**WHAT IS REQUIRED:** Each line from the beginning of the data below through the line containing "#28=IFCINDEXEDPOLYGONALFACE((11,15,16,12));" should be repeated exactly, please.

-------- MATERIAL PROVIDED --------

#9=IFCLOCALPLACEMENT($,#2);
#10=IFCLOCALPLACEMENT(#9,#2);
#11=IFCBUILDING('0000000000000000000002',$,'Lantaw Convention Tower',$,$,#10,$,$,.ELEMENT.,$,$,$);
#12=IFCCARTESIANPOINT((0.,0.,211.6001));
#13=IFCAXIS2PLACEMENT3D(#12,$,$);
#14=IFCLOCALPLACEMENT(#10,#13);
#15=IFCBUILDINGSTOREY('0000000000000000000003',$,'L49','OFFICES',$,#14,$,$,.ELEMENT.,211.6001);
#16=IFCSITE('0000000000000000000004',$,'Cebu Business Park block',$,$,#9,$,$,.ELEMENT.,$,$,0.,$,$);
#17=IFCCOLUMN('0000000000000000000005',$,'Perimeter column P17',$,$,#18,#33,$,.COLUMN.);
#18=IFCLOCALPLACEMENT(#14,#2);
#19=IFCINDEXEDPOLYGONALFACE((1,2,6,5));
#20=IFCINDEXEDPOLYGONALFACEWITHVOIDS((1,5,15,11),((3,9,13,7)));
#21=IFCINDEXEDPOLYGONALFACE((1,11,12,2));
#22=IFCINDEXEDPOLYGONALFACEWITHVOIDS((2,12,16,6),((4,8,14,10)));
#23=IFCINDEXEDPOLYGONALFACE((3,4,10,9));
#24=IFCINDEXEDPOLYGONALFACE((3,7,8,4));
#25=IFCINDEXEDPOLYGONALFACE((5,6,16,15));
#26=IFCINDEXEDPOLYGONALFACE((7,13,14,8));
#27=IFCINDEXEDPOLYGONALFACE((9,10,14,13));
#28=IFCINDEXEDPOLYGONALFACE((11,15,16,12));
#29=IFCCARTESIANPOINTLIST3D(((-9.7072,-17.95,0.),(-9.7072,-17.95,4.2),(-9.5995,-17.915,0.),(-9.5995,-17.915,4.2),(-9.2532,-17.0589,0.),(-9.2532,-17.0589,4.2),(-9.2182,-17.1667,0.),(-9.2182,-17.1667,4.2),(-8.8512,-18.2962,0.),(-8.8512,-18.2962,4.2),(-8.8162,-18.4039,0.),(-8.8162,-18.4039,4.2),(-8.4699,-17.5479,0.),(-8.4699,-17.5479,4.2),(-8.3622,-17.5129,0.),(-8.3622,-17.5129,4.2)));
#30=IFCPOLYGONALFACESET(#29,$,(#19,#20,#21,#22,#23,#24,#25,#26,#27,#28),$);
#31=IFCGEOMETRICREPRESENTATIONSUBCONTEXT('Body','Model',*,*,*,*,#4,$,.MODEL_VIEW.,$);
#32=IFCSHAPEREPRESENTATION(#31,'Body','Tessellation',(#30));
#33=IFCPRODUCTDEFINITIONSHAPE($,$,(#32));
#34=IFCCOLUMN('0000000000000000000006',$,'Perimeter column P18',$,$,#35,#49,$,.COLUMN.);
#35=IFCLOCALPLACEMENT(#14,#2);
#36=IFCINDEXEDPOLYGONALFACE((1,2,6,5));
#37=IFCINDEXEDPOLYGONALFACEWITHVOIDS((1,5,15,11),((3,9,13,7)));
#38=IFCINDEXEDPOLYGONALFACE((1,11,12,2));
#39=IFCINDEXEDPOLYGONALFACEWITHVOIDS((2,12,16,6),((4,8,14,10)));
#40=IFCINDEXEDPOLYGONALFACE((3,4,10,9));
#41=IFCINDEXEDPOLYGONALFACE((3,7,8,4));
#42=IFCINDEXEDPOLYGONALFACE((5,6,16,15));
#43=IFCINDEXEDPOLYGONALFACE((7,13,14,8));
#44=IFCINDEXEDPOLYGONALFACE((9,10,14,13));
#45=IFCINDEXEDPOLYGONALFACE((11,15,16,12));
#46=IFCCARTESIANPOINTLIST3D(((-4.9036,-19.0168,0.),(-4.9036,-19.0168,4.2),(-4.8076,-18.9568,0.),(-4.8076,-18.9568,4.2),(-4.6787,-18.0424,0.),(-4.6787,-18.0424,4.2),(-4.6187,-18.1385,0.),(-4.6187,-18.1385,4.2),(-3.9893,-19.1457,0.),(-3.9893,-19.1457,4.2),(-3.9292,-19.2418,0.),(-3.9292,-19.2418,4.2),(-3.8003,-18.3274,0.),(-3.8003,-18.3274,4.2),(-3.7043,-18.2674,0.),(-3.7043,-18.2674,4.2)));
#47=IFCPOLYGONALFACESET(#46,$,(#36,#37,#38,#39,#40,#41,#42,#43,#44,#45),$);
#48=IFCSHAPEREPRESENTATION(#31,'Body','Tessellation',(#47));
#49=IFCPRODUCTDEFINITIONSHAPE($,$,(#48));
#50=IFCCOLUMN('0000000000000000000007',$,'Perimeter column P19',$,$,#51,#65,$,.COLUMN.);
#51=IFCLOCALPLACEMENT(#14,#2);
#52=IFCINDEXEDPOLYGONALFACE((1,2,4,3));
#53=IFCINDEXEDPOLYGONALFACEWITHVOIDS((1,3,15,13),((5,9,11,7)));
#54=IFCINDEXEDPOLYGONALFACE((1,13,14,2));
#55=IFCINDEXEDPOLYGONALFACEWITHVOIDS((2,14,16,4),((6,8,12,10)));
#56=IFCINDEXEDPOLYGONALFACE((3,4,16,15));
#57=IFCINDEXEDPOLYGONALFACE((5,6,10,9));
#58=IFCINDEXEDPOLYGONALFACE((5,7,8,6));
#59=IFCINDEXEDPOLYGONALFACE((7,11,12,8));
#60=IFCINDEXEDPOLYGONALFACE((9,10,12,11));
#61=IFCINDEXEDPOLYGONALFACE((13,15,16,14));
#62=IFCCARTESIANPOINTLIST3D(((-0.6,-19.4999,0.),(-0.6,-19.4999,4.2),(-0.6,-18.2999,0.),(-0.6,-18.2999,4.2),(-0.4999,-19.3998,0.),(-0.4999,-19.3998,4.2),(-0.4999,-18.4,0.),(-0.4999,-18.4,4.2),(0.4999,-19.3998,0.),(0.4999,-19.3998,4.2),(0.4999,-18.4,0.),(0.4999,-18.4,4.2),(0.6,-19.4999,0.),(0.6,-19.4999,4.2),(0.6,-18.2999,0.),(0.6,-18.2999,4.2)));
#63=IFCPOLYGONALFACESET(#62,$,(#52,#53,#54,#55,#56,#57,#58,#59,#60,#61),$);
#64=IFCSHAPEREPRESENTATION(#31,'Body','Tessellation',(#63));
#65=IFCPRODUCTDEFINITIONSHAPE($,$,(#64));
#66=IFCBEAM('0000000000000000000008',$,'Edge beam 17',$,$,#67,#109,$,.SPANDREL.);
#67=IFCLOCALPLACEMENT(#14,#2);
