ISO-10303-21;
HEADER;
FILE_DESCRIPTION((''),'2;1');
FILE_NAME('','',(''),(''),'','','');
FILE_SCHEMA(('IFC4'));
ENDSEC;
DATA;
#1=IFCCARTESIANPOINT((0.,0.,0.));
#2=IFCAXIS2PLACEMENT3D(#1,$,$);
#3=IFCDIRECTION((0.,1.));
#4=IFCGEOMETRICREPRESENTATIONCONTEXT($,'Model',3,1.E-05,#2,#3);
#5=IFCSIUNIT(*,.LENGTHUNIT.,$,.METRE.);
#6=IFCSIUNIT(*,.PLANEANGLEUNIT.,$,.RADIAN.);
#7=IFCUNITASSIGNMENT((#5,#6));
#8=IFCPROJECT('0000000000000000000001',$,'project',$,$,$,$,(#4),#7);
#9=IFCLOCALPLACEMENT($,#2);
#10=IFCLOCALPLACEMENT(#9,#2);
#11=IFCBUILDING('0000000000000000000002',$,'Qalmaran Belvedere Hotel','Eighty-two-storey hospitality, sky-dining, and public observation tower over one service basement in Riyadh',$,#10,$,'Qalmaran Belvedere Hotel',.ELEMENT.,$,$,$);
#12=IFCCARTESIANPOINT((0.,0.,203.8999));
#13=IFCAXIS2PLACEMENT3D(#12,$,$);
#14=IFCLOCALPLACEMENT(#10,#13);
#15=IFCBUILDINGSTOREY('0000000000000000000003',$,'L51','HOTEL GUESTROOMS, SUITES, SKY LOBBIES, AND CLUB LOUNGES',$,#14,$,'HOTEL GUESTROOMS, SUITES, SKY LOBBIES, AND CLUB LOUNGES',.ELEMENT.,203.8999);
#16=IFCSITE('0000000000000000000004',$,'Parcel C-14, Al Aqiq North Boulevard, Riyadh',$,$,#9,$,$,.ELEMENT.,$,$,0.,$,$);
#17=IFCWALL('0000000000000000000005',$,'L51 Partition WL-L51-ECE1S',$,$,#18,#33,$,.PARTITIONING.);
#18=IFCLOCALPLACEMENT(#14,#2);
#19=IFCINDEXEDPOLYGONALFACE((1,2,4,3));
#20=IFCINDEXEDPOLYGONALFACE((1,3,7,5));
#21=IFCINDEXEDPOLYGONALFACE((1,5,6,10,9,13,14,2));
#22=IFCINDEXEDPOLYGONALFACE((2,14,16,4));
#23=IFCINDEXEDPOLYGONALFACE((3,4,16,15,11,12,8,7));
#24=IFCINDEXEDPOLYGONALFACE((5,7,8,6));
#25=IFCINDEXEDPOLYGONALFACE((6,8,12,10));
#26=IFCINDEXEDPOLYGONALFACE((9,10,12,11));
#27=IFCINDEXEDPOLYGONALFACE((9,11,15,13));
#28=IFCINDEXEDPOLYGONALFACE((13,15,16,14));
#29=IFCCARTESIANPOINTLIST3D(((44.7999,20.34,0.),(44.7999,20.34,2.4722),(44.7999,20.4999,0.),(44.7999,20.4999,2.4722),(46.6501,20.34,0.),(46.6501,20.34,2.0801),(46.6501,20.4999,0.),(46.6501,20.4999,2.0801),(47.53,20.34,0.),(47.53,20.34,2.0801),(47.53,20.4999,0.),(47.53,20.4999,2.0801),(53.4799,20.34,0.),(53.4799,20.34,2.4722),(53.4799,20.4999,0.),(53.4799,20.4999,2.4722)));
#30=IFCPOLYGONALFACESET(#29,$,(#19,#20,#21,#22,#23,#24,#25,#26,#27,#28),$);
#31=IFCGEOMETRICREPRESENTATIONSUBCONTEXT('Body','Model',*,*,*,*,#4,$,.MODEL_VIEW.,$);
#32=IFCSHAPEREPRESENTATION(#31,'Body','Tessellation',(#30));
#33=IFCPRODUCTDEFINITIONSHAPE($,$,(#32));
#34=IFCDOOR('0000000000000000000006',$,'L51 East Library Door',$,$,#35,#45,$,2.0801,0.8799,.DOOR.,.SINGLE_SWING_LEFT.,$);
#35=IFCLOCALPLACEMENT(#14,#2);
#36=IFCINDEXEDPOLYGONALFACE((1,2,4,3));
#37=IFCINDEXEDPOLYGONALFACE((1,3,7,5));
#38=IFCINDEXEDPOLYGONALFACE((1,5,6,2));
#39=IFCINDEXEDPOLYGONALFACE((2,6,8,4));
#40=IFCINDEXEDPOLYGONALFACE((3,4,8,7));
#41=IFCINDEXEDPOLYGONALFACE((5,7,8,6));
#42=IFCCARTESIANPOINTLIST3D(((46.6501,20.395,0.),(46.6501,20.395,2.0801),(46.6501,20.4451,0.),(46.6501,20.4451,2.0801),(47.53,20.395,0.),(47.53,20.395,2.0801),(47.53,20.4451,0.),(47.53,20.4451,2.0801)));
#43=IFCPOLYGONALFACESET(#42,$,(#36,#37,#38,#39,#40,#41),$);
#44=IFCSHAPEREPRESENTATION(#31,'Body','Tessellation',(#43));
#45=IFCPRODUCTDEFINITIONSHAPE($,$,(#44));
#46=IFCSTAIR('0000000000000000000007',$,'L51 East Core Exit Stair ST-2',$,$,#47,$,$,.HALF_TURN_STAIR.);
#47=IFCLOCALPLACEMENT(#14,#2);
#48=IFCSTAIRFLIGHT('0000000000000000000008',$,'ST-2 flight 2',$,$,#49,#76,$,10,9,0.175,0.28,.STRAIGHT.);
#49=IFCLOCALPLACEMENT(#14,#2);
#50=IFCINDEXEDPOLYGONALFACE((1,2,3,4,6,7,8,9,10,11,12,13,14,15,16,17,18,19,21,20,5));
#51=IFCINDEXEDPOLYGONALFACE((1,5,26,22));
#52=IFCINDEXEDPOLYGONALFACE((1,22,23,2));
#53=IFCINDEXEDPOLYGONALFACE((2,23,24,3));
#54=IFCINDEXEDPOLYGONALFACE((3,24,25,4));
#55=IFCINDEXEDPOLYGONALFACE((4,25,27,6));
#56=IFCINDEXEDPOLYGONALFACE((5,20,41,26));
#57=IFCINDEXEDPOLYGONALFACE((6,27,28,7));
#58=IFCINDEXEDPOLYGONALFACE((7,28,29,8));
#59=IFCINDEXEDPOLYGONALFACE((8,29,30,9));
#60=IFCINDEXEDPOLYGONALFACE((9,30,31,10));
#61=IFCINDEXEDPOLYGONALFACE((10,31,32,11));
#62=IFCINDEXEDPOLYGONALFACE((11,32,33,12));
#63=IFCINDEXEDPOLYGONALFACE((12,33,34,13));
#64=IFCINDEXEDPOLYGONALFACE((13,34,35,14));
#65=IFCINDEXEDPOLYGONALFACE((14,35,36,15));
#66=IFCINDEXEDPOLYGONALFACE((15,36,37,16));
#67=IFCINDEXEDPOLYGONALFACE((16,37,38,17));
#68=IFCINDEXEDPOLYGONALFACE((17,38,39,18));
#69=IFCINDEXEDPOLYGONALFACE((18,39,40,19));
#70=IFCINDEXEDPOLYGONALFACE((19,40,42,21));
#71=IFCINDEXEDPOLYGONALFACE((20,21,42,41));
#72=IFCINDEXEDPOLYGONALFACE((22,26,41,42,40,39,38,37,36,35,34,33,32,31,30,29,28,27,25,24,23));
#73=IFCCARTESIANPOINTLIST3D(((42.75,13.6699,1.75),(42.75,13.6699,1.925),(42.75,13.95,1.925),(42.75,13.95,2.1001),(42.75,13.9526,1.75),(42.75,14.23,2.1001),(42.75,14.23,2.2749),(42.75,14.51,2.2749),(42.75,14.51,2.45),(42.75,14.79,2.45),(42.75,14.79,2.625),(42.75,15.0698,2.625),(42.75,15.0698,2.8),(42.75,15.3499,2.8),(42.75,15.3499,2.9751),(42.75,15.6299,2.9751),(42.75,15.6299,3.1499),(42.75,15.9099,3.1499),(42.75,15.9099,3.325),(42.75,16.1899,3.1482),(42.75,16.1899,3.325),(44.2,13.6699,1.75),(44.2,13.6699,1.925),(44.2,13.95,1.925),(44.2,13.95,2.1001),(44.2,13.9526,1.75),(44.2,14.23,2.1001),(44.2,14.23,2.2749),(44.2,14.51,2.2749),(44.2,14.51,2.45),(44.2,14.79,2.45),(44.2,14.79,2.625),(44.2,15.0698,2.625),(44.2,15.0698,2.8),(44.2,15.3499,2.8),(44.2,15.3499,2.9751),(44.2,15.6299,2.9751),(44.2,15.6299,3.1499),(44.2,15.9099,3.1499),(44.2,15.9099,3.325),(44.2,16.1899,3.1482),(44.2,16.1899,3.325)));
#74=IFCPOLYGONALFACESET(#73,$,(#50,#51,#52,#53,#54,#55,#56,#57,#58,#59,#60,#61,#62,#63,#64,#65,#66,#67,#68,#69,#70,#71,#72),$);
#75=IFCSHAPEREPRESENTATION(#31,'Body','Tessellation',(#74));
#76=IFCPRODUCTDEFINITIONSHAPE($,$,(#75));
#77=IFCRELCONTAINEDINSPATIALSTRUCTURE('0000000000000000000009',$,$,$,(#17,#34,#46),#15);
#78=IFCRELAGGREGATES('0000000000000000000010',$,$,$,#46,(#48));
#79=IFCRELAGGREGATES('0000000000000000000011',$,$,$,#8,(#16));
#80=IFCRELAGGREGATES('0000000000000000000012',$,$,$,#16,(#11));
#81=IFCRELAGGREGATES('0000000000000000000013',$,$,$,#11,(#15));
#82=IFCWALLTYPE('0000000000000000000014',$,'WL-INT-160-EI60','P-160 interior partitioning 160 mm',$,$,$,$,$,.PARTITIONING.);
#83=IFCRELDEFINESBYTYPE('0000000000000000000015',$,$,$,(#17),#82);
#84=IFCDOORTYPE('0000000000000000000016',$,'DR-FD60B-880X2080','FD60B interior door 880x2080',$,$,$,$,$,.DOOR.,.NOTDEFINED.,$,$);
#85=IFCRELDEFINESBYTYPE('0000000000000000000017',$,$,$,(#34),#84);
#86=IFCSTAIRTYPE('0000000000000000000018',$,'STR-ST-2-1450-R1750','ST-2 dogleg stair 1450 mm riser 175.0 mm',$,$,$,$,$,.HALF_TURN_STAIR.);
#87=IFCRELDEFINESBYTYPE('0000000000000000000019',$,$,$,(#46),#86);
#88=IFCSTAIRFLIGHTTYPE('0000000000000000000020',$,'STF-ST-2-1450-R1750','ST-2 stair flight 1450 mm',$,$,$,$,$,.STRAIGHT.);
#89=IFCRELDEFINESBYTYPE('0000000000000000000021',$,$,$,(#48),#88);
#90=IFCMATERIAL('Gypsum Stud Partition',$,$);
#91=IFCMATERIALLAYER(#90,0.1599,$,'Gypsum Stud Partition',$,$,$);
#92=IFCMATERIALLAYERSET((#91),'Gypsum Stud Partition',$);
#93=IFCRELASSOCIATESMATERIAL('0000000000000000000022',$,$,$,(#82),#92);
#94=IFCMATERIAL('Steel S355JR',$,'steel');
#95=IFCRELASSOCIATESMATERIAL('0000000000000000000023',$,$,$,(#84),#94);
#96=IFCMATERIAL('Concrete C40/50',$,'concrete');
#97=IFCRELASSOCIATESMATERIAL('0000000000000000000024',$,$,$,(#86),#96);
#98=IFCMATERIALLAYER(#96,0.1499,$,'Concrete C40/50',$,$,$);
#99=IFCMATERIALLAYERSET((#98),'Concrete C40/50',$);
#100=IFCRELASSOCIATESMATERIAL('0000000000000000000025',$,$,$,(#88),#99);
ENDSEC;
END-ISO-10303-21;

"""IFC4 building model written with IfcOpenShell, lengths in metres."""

from ifc_helpers import new_model, si_unit, direction, frame, frame_2d, origin, place, context, subcontext, project, spatial, polyline, rectangle, outline, extrude, material, layer, layer_set, type_object, element, fill, aggregate, save


model = new_model("IFC4")

# Units and contexts
model_context = context("Model", 3, precision=1e-05, world=origin(), true_north=direction((0.0, 1.0)))
body_context = subcontext(model_context, "Body", "Model", "MODEL_VIEW")
ifc_project = project(units=[si_unit("LENGTHUNIT", "METRE"), si_unit("PLANEANGLEUNIT", "RADIAN")], contexts=[model_context])

# Site, building, storey
site_placement = place(None, origin())
site = spatial("IfcSite", under=ifc_project, at=site_placement, Name="Parcel C-14, Al Aqiq North Boulevard, Riyadh", CompositionType="ELEMENT", RefElevation=0.0)
building_placement = place(site_placement, origin())
building = spatial("IfcBuilding", under=site, at=building_placement, Name="Qalmaran Belvedere Hotel", Description="Eighty-two-storey hospitality, sky-dining, and public observation tower over one service basement in Riyadh", LongName="Qalmaran Belvedere Hotel", CompositionType="ELEMENT")
storey_placement = place(building_placement, frame((0.0, 0.0, 203.8999)))
storey = spatial("IfcBuildingStorey", under=building, at=storey_placement, Name="L51", Description="HOTEL GUESTROOMS, SUITES, SKY LOBBIES, AND CLUB LOUNGES", LongName="HOTEL GUESTROOMS, SUITES, SKY LOBBIES, AND CLUB LOUNGES", CompositionType="ELEMENT", Elevation=203.8999)

# Shared definitions
ifc_material_1 = material(Name="Steel S355JR", Category="steel")

# Wall, opening, door
ifc_material_2 = material(Name="Gypsum Stud Partition")
ifc_layer_1 = layer(ifc_material_2, 0.1599, Name="Gypsum Stud Partition")
ifc_layer_set_1 = layer_set([ifc_layer_1], Name="Gypsum Stud Partition")
wall_type = type_object("IfcWallType", Name="WL-INT-160-EI60", Description="P-160 interior partitioning 160 mm", PredefinedType="PARTITIONING", material=ifc_layer_set_1)
wall_placement = place(storey_placement, frame((44.8, 20.4199, 0.0), z_axis=(0.0, 0.0, 1.0), x_axis=(1.0, 0.0, 0.0)))
wall = element("IfcWall", 1, at=wall_placement, inside=storey, type_object=wall_type, Name="L51 Partition WL-L51-ECE1S", PredefinedType="PARTITIONING", context=body_context, shape_type="SweptSolid", body=[
    extrude(rectangle(XDim=8.6799, YDim=0.1599, at=frame_2d((4.3398, 0.0))), origin(), (0.0, 0.0, 1.0), 2.4722),
])
opening_placement = place(wall_placement, frame((2.73, 0.0, 0.0), z_axis=(0.0, 0.0, 1.0), x_axis=(-1.0, 0.0, 0.0)))
opening = element("IfcOpeningElement", 2, at=opening_placement, cuts=wall, PredefinedType="OPENING", context=body_context, shape_type="SweptSolid", body=[
    extrude(rectangle(XDim=0.8799, YDim=2.0801, at=frame_2d((0.4399, 1.04))), frame((0.0, 0.0898, 0.0), z_axis=(0.0, -1.0, 0.0), x_axis=(1.0, 0.0, 0.0)), (0.0, 0.0, 1.0), 0.1799),
])
door_type = type_object("IfcDoorType", Name="DR-FD60B-880X2080", Description="FD60B interior door 880x2080", OperationType="NOTDEFINED", PredefinedType="DOOR", material=ifc_material_1)
door_placement = place(opening_placement, origin())
door = element("IfcDoor", 3, at=door_placement, inside=storey, type_object=door_type, Name="L51 East Library Door", OperationType="SINGLE_SWING_LEFT", OverallHeight=2.0801, OverallWidth=0.8799, PredefinedType="DOOR", context=body_context, shape_type="SweptSolid", body=[
    extrude(rectangle(XDim=0.8799, YDim=2.0801, at=frame_2d((0.4399, 1.04))), frame((0.0, 0.0249, 0.0), z_axis=(0.0, -1.0, 0.0), x_axis=(1.0, 0.0, 0.0)), (0.0, 0.0, 1.0), 0.05),
])
fill(opening, door)

# Stair, stair flight
ifc_material_3 = material(Name="Concrete C40/50", Category="concrete")
stair_type = type_object("IfcStairType", Name="STR-ST-2-1450-R1750", Description="ST-2 dogleg stair 1450 mm riser 175.0 mm", PredefinedType="HALF_TURN_STAIR", material=ifc_material_3)
stair_placement = place(storey_placement, origin())
stair = element("IfcStair", 4, at=stair_placement, inside=storey, type_object=stair_type, Name="L51 East Core Exit Stair ST-2", PredefinedType="HALF_TURN_STAIR")
ifc_layer_2 = layer(ifc_material_3, 0.1499, Name="Concrete C40/50")
ifc_layer_set_2 = layer_set([ifc_layer_2], Name="Concrete C40/50")
stair_flight_type = type_object("IfcStairFlightType", Name="STF-ST-2-1450-R1750", Description="ST-2 stair flight 1450 mm", PredefinedType="STRAIGHT", material=ifc_layer_set_2)
stair_flight_placement = place(storey_placement, frame((43.4751, 13.6699, 1.75), z_axis=(0.0, 0.0, 1.0), x_axis=(0.0, 1.0, 0.0)))
stair_flight = element("IfcStairFlight", 5, at=stair_flight_placement, type_object=stair_flight_type, Name="ST-2 flight 2", NumberOfRisers=10, NumberOfTreads=9, PredefinedType="STRAIGHT", RiserHeight=0.175, TreadLength=0.28, context=body_context, shape_type="SweptSolid", body=[
    extrude(outline(polyline([(0.0, 0.0), (0.0, 0.175), (0.28, 0.175), (0.28, 0.3501), (0.5601, 0.3501), (0.5601, 0.5249), (0.8401, 0.5249), (0.8401, 0.7), (1.1201, 0.7), (1.1201, 0.875), (1.3999, 0.875), (1.3999, 1.05), (1.6799, 1.05), (1.6799, 1.2251), (1.96, 1.2251), (1.96, 1.3999), (2.24, 1.3999), (2.24, 1.575), (2.52, 1.575), (2.52, 1.75), (2.52, 1.3982), (0.2827, 0.0), (0.0, 0.0)])), frame((0.0, 0.7251, 0.0), z_axis=(0.0, -1.0, 0.0), x_axis=(1.0, 0.0, 0.0)), (0.0, 0.0, 1.0), 1.45),
])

--------

**EXERCISE ANSWER:**
#9=IFCLOCALPLACEMENT($,#2);
#10=IFCLOCALPLACEMENT(#9,#2);
#11=IFCBUILDING('0000000000000000000002',$,'Lantaw Convention Tower',$,$,#10,$,$,.ELEMENT.,$,$,$);
#12=IFCCARTESIANPOINT((0.,0.,211.6001));
#13=IFCAXIS2PLACEMENT3D(#12,$,$);
#14=IFCLOCALPLACEMENT(#10,#13);
#15=IFCBUILDINGSTOREY('0000000000000000000003',$,'L49','OFFICES',$,#14,$,$,.ELEMENT.,211.6001);
#16=IFCSITE('0000000000000000000004',$,'Cebu Business Park block',$,$,#9,$,$,.ELEMENT.,$,$,0.,$,$);
#17=IFCCOLUMN('0000000000000000000005',$,'Perimeter column P17',$,$,#18,#33,$,.COLUMN.);
#18=IFCLOCALPLACEMENT(#14,#2);
#19=IFCINDEXEDPOLYGONALFACE((1,2,6,5));
#20=IFCINDEXEDPOLYGONALFACEWITHVOIDS((1,5,15,11),((3,9,13,7)));
#21=IFCINDEXEDPOLYGONALFACE((1,11,12,2));
#22=IFCINDEXEDPOLYGONALFACEWITHVOIDS((2,12,16,6),((4,8,14,10)));
#23=IFCINDEXEDPOLYGONALFACE((3,4,10,9));
#24=IFCINDEXEDPOLYGONALFACE((3,7,8,4));
#25=IFCINDEXEDPOLYGONALFACE((5,6,16,15));
#26=IFCINDEXEDPOLYGONALFACE((7,13,14,8));
#27=IFCINDEXEDPOLYGONALFACE((9,10,14,13));
#28=IFCINDEXEDPOLYGONALFACE((11,15,16,12));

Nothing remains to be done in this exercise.